▶ **Provided data**
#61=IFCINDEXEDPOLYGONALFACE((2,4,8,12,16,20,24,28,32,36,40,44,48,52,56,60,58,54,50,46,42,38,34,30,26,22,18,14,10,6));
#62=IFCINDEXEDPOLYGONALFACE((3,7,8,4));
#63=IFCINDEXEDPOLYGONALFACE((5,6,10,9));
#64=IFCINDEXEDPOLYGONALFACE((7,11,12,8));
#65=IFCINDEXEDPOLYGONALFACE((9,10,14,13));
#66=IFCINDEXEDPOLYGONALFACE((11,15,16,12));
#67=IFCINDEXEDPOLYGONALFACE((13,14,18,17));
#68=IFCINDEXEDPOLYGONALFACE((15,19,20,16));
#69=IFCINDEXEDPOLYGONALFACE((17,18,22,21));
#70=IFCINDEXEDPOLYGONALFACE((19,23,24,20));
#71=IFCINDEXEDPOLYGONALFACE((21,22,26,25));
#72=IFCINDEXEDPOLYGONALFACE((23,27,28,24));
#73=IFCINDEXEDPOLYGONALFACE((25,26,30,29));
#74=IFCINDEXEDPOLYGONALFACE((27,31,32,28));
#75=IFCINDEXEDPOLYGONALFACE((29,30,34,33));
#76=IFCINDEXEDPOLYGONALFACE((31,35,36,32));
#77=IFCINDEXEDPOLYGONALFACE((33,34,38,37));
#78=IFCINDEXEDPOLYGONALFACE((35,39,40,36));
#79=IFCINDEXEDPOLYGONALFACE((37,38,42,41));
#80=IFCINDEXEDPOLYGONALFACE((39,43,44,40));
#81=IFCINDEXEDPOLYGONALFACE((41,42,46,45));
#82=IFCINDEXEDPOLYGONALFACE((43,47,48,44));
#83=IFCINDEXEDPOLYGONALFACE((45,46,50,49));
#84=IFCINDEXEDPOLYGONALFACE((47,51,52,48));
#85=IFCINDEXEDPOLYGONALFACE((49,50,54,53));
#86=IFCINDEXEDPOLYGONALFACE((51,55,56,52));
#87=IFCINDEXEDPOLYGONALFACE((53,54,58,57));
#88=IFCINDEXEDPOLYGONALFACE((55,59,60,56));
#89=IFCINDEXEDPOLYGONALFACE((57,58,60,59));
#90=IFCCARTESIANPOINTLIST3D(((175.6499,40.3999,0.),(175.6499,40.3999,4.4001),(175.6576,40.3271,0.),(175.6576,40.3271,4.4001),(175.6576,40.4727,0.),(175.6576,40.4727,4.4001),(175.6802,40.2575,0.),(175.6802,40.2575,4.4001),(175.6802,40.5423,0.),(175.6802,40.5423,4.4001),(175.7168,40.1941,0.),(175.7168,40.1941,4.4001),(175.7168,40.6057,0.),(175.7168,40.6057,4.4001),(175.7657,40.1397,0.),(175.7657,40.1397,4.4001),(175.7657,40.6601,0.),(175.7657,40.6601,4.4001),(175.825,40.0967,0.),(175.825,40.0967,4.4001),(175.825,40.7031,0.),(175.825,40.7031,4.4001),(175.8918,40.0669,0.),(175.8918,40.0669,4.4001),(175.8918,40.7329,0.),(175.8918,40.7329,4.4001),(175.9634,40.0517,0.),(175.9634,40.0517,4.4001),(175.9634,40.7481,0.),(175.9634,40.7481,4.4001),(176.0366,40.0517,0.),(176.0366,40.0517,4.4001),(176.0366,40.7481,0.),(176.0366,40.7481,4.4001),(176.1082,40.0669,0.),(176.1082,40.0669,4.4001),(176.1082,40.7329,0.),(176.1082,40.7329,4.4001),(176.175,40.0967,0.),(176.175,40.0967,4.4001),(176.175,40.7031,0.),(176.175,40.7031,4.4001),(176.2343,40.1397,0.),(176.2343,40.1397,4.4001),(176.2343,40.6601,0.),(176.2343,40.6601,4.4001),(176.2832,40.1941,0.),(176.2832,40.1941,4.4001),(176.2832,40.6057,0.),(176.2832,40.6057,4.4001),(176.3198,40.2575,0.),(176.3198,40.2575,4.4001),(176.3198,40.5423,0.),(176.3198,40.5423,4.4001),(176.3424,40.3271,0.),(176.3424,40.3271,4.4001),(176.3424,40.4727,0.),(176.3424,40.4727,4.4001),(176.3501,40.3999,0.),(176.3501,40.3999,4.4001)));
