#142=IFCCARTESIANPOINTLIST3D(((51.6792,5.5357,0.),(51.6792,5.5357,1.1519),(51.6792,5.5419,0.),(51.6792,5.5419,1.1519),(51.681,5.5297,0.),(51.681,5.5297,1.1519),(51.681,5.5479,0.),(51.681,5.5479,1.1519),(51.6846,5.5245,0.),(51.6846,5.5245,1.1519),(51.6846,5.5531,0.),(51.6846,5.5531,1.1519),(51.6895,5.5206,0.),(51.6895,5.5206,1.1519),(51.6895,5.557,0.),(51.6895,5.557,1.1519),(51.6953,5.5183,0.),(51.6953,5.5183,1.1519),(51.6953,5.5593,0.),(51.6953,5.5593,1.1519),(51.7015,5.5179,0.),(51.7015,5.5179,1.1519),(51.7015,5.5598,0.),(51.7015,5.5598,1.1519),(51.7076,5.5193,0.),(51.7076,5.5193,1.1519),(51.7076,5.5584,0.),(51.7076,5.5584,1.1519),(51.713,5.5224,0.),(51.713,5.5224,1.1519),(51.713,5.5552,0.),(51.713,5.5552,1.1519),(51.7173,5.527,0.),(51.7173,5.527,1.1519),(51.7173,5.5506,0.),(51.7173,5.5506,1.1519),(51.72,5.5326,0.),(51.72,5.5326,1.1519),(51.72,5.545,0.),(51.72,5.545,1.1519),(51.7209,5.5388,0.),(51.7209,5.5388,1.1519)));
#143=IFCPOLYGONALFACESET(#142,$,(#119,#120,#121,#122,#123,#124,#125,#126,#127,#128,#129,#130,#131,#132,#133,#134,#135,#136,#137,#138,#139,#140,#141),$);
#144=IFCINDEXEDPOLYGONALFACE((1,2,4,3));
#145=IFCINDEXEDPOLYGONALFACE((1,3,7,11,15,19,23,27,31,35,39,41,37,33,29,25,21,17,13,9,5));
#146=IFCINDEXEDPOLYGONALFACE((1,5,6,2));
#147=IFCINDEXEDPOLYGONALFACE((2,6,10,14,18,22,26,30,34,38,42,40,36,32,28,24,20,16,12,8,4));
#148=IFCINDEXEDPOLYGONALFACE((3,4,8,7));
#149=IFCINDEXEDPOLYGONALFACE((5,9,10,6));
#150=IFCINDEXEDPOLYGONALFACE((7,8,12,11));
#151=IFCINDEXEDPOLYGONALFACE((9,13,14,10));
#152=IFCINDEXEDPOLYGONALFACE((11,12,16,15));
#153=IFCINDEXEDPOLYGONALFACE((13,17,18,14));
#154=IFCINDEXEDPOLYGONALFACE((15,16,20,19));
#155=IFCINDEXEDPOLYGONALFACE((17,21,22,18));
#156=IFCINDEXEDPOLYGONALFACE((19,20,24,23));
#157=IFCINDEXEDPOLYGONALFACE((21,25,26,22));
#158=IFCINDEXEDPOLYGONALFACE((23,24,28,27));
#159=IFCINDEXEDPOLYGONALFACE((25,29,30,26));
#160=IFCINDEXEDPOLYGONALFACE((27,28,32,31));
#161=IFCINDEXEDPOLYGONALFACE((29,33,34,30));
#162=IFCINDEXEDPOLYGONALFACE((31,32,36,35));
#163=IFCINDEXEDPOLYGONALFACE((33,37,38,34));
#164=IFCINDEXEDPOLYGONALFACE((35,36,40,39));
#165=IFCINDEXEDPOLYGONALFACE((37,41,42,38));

▶ **What to produce**
Retype only the lines running from the top of the listing to the line that holds "#76=IFCINDEXEDPOLYGONALFACE((31,35,36,32));", both ends included.

▶ **Response area**
#61=IFCINDEXEDPOLYGONALFACE((2,4,8,12,16,20,24,28,32,36,40,44,48,52,56,60,58,54,50,46,42,38,34,30,26,22,18,14,10,6));
#62=IFCINDEXEDPOLYGONALFACE((3,7,8,4));
#63=IFCINDEXEDPOLYGONALFACE((5,6,10,9));
#64=IFCINDEXEDPOLYGONALFACE((7,11,12,8));
#65=IFCINDEXEDPOLYGONALFACE((9,10,14,13));
#66=IFCINDEXEDPOLYGONALFACE((11,15,16,12));
#67=IFCINDEXEDPOLYGONALFACE((13,14,18,17));
#68=IFCINDEXEDPOLYGONALFACE((15,19,20,16));
#69=IFCINDEXEDPOLYGONALFACE((17,18,22,21));
#70=IFCINDEXEDPOLYGONALFACE((19,23,24,20));
#71=IFCINDEXEDPOLYGONALFACE((21,22,26,25));
#72=IFCINDEXEDPOLYGONALFACE((23,27,28,24));
#73=IFCINDEXEDPOLYGONALFACE((25,26,30,29));
#74=IFCINDEXEDPOLYGONALFACE((27,31,32,28));
#75=IFCINDEXEDPOLYGONALFACE((29,30,34,33));
#76=IFCINDEXEDPOLYGONALFACE((31,35,36,32));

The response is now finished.